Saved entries

--

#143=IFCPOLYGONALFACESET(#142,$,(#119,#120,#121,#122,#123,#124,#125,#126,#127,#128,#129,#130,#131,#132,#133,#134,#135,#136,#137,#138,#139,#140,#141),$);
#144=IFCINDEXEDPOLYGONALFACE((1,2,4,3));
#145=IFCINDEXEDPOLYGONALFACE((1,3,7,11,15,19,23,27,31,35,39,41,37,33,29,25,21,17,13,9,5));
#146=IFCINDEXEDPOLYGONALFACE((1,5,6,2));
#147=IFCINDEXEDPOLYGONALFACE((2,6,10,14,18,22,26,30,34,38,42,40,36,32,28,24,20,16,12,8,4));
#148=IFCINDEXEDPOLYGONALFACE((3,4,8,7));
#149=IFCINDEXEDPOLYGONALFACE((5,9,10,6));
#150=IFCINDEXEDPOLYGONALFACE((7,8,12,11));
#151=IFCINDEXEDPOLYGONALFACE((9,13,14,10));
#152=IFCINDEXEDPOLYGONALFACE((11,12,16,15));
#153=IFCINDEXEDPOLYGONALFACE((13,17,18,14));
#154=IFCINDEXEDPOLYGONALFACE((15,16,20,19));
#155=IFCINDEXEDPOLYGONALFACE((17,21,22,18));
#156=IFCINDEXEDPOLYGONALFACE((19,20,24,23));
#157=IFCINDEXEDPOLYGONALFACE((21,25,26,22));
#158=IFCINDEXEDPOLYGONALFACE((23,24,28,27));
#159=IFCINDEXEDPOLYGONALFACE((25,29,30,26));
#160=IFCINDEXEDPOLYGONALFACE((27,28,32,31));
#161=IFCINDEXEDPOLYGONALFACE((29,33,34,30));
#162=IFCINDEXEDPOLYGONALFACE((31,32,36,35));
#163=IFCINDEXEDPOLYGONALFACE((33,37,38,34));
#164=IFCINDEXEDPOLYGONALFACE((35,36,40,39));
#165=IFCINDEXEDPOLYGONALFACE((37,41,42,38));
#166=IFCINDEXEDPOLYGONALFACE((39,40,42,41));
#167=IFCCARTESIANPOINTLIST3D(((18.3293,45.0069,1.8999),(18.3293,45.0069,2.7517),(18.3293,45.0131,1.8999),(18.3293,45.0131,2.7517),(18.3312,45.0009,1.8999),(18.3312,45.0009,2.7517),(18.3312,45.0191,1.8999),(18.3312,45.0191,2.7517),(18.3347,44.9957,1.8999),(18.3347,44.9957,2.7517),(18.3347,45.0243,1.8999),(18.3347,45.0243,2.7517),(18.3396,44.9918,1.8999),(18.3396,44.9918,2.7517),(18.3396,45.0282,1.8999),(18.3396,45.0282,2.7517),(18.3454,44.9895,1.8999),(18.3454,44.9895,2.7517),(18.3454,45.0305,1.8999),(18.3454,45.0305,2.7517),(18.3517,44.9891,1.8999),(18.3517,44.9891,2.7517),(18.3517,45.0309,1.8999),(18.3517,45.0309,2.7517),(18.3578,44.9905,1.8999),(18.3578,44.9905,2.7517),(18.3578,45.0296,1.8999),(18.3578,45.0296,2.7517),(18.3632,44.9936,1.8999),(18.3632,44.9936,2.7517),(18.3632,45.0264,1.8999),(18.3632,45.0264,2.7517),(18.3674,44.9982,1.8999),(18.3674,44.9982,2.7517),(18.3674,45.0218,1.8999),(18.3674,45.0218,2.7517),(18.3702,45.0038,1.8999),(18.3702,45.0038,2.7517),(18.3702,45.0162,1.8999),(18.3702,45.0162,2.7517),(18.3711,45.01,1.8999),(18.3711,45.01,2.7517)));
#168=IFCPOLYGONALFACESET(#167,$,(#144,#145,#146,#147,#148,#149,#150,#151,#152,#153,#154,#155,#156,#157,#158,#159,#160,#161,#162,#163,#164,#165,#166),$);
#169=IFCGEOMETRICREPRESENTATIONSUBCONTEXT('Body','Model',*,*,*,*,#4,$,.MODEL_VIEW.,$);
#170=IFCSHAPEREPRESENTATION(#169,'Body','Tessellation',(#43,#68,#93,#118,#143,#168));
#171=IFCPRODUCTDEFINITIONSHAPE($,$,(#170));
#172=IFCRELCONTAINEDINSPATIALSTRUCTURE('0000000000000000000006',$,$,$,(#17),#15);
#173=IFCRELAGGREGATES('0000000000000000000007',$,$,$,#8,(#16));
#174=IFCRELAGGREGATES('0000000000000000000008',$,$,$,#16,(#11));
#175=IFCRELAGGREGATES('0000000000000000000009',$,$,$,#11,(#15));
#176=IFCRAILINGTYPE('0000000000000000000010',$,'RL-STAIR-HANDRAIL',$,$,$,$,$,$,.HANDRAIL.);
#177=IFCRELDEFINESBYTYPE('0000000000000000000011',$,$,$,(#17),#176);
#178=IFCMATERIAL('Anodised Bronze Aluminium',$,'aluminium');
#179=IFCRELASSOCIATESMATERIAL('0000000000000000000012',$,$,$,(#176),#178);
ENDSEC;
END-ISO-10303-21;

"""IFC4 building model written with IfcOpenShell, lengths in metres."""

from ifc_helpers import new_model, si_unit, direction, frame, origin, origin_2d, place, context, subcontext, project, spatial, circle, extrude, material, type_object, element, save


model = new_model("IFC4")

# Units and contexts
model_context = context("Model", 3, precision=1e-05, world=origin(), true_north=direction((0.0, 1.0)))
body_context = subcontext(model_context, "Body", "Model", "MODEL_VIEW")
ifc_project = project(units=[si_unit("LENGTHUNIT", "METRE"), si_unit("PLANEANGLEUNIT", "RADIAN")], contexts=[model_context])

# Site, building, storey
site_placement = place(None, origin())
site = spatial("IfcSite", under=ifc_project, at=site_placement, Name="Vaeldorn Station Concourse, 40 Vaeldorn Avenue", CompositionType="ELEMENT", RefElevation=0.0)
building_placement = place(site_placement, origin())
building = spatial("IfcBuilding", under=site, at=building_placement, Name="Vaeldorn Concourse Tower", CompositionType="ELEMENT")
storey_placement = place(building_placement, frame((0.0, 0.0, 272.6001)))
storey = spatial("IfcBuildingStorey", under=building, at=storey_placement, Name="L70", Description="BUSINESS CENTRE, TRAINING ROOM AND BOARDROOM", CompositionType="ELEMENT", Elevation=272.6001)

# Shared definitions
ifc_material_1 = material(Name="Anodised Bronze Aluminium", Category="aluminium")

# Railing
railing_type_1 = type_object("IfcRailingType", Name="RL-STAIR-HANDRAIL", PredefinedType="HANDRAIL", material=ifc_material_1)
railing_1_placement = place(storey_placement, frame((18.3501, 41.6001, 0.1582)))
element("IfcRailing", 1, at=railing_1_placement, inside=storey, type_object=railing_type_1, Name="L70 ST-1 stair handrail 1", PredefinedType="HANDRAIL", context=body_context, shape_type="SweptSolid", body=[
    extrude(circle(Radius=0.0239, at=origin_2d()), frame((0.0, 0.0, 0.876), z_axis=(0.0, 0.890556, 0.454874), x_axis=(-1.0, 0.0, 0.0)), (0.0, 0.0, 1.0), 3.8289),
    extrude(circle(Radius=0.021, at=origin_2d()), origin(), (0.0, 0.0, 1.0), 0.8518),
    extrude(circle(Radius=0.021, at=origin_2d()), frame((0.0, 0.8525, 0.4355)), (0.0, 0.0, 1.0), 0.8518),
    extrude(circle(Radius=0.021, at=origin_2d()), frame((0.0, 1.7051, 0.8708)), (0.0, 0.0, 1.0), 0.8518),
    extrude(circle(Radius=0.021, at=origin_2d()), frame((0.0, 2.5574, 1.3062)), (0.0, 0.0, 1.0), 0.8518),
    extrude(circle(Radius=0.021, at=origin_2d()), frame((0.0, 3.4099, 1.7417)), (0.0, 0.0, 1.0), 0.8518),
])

--

## [What the task requires]
From the records above, retype only the lines starting at the line that contains "#150=IFCINDEXEDPOLYGONALFACE((7,8,12,11));" and ending at the line that contains "#163=IFCINDEXEDPOLYGONALFACE((33,37,38,34));", both included.

## [Answer to this problem]
#150=IFCINDEXEDPOLYGONALFACE((7,8,12,11));
#151=IFCINDEXEDPOLYGONALFACE((9,13,14,10));
#152=IFCINDEXEDPOLYGONALFACE((11,12,16,15));
#153=IFCINDEXEDPOLYGONALFACE((13,17,18,14));
#154=IFCINDEXEDPOLYGONALFACE((15,16,20,19));
#155=IFCINDEXEDPOLYGONALFACE((17,21,22,18));
#156=IFCINDEXEDPOLYGONALFACE((19,20,24,23));
#157=IFCINDEXEDPOLYGONALFACE((21,25,26,22));
#158=IFCINDEXEDPOLYGONALFACE((23,24,28,27));
#159=IFCINDEXEDPOLYGONALFACE((25,29,30,26));
#160=IFCINDEXEDPOLYGONALFACE((27,28,32,31));
#161=IFCINDEXEDPOLYGONALFACE((29,33,34,30));
#162=IFCINDEXEDPOLYGONALFACE((31,32,36,35));
#163=IFCINDEXEDPOLYGONALFACE((33,37,38,34));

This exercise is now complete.